§ AIM OF THE TASK: From the records below, copy out exactly the lines from the one containing "#180=IFCSHAPEREPRESENTATION(#31,'Body','Tessellation',(#179));" to the one containing "#198=IFCMATERIAL('Steel S355',$,'steel');", both included. Add nothing else.

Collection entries
┌────────
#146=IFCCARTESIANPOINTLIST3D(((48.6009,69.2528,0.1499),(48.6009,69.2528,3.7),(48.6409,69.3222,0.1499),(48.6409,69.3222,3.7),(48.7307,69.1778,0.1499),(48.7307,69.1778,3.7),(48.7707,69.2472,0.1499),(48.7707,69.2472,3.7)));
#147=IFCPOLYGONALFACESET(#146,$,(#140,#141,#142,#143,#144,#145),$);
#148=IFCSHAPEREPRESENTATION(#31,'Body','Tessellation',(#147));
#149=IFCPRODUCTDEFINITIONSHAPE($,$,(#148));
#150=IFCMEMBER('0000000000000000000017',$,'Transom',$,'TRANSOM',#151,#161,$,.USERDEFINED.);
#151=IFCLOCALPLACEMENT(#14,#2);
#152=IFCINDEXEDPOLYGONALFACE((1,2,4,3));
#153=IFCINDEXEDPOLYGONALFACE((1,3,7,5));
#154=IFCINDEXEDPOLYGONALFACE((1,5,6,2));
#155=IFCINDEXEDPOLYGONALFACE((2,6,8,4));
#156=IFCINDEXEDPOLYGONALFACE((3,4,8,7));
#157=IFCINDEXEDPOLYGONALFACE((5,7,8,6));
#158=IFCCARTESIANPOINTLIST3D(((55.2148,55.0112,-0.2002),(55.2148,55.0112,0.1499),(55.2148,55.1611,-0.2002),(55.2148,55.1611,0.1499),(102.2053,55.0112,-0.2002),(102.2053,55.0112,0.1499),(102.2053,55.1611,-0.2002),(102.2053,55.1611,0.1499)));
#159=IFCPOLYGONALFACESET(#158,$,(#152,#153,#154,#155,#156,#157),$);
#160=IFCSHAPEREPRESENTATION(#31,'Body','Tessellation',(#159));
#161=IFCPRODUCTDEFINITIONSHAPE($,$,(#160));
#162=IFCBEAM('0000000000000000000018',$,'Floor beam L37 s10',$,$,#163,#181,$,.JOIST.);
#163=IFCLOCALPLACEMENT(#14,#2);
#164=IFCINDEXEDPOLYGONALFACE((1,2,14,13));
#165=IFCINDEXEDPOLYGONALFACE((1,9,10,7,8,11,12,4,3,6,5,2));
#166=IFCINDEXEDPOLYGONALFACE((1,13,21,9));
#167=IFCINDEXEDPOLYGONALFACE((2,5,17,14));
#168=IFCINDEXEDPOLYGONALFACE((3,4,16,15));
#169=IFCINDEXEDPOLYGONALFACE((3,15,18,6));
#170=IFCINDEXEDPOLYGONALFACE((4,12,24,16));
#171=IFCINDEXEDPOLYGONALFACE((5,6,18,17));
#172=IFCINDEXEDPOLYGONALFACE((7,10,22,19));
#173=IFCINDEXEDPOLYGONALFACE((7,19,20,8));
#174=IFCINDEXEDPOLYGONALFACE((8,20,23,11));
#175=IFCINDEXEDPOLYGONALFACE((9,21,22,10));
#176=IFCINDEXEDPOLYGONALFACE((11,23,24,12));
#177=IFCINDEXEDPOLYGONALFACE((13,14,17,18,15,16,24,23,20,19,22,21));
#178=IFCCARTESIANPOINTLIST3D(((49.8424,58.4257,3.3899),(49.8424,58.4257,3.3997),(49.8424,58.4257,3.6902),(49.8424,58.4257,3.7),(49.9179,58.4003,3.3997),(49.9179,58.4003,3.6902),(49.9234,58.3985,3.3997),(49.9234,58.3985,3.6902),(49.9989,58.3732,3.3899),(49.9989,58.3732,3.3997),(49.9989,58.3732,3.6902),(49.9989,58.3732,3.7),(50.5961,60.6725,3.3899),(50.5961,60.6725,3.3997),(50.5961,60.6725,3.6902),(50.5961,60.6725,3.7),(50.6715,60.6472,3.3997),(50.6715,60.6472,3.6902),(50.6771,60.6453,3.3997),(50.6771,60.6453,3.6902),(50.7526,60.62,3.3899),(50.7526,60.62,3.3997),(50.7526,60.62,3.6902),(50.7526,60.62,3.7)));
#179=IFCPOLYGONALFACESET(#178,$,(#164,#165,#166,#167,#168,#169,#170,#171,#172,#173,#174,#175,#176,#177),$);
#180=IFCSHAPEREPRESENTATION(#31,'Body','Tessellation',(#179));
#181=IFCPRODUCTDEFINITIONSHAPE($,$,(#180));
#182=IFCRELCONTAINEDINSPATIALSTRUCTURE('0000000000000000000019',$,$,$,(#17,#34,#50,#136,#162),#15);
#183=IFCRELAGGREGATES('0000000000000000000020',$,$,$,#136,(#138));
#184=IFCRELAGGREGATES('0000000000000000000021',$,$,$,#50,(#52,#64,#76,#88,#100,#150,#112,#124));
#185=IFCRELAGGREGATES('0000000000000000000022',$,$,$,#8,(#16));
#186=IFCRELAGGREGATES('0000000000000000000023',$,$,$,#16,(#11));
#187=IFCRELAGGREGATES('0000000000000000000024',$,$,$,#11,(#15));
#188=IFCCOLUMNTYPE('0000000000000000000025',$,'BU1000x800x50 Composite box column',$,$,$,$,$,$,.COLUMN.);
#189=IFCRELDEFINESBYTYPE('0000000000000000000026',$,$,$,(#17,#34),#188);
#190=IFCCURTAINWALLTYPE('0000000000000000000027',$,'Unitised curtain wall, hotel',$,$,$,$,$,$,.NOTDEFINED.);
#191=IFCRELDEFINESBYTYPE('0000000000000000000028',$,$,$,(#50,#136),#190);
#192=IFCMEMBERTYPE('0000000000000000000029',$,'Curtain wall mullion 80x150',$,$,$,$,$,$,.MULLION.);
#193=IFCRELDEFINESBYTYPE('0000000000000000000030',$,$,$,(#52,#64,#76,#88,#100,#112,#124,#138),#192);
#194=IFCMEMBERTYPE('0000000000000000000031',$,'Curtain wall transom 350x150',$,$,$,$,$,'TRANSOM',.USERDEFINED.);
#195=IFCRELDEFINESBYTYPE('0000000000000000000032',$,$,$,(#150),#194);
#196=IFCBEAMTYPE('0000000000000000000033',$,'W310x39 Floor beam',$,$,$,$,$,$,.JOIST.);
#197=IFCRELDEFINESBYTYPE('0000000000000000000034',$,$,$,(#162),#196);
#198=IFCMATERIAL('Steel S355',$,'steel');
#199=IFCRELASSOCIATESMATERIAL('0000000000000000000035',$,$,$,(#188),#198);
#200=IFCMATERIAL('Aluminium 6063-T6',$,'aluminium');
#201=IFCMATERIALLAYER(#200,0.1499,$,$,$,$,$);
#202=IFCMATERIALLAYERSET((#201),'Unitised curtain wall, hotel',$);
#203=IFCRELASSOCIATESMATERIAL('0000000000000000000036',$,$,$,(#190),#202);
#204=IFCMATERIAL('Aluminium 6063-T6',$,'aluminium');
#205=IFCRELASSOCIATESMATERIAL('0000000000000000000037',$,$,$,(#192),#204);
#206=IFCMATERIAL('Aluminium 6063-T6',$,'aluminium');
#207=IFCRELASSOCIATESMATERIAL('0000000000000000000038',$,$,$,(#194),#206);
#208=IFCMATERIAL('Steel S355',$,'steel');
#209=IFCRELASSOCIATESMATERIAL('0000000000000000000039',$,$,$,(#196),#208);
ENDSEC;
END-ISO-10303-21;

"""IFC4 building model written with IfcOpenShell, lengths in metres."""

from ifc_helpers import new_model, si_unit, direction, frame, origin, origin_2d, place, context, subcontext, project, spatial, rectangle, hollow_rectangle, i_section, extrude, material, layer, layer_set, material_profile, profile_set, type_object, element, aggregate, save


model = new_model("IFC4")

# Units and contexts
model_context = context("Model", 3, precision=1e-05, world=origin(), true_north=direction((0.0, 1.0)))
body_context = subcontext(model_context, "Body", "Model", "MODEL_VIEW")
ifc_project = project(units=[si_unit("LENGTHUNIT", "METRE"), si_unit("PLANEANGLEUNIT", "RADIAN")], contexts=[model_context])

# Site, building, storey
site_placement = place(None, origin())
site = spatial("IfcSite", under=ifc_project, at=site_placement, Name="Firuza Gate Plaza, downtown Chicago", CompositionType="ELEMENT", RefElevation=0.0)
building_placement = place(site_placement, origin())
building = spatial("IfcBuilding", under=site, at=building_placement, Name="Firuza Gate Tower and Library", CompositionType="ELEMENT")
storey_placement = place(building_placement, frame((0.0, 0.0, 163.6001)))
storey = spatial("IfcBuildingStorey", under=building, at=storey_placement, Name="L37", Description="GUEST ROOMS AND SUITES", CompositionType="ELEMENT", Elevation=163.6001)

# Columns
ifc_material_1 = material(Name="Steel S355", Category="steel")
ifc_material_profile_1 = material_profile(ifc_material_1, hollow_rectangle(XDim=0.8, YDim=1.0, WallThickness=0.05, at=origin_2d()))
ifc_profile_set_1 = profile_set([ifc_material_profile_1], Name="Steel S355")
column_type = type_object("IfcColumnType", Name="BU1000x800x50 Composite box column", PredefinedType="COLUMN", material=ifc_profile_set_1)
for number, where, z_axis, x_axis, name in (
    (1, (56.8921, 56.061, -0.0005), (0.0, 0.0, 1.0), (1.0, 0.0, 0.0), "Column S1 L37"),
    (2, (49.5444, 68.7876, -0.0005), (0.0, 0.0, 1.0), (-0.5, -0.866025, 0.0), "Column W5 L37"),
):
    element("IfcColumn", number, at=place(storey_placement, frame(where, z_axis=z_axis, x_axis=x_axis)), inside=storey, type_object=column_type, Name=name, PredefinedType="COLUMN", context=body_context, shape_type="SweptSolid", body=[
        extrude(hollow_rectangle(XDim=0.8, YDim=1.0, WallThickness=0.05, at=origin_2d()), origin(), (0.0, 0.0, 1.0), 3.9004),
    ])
└────────
§ REPLY TO THE EXERCISE:
#180=IFCSHAPEREPRESENTATION(#31,'Body','Tessellation',(#179));
#181=IFCPRODUCTDEFINITIONSHAPE($,$,(#180));
#182=IFCRELCONTAINEDINSPATIALSTRUCTURE('0000000000000000000019',$,$,$,(#17,#34,#50,#136,#162),#15);
#183=IFCRELAGGREGATES('0000000000000000000020',$,$,$,#136,(#138));
#184=IFCRELAGGREGATES('0000000000000000000021',$,$,$,#50,(#52,#64,#76,#88,#100,#150,#112,#124));
#185=IFCRELAGGREGATES('0000000000000000000022',$,$,$,#8,(#16));
#186=IFCRELAGGREGATES('0000000000000000000023',$,$,$,#16,(#11));
#187=IFCRELAGGREGATES('0000000000000000000024',$,$,$,#11,(#15));
#188=IFCCOLUMNTYPE('0000000000000000000025',$,'BU1000x800x50 Composite box column',$,$,$,$,$,$,.COLUMN.);
#189=IFCRELDEFINESBYTYPE('0000000000000000000026',$,$,$,(#17,#34),#188);
#190=IFCCURTAINWALLTYPE('0000000000000000000027',$,'Unitised curtain wall, hotel',$,$,$,$,$,$,.NOTDEFINED.);
#191=IFCRELDEFINESBYTYPE('0000000000000000000028',$,$,$,(#50,#136),#190);
#192=IFCMEMBERTYPE('0000000000000000000029',$,'Curtain wall mullion 80x150',$,$,$,$,$,$,.MULLION.);
#193=IFCRELDEFINESBYTYPE('0000000000000000000030',$,$,$,(#52,#64,#76,#88,#100,#112,#124,#138),#192);
#194=IFCMEMBERTYPE('0000000000000000000031',$,'Curtain wall transom 350x150',$,$,$,$,$,'TRANSOM',.USERDEFINED.);
#195=IFCRELDEFINESBYTYPE('0000000000000000000032',$,$,$,(#150),#194);
#196=IFCBEAMTYPE('0000000000000000000033',$,'W310x39 Floor beam',$,$,$,$,$,$,.JOIST.);
#197=IFCRELDEFINESBYTYPE('0000000000000000000034',$,$,$,(#162),#196);
#198=IFCMATERIAL('Steel S355',$,'steel');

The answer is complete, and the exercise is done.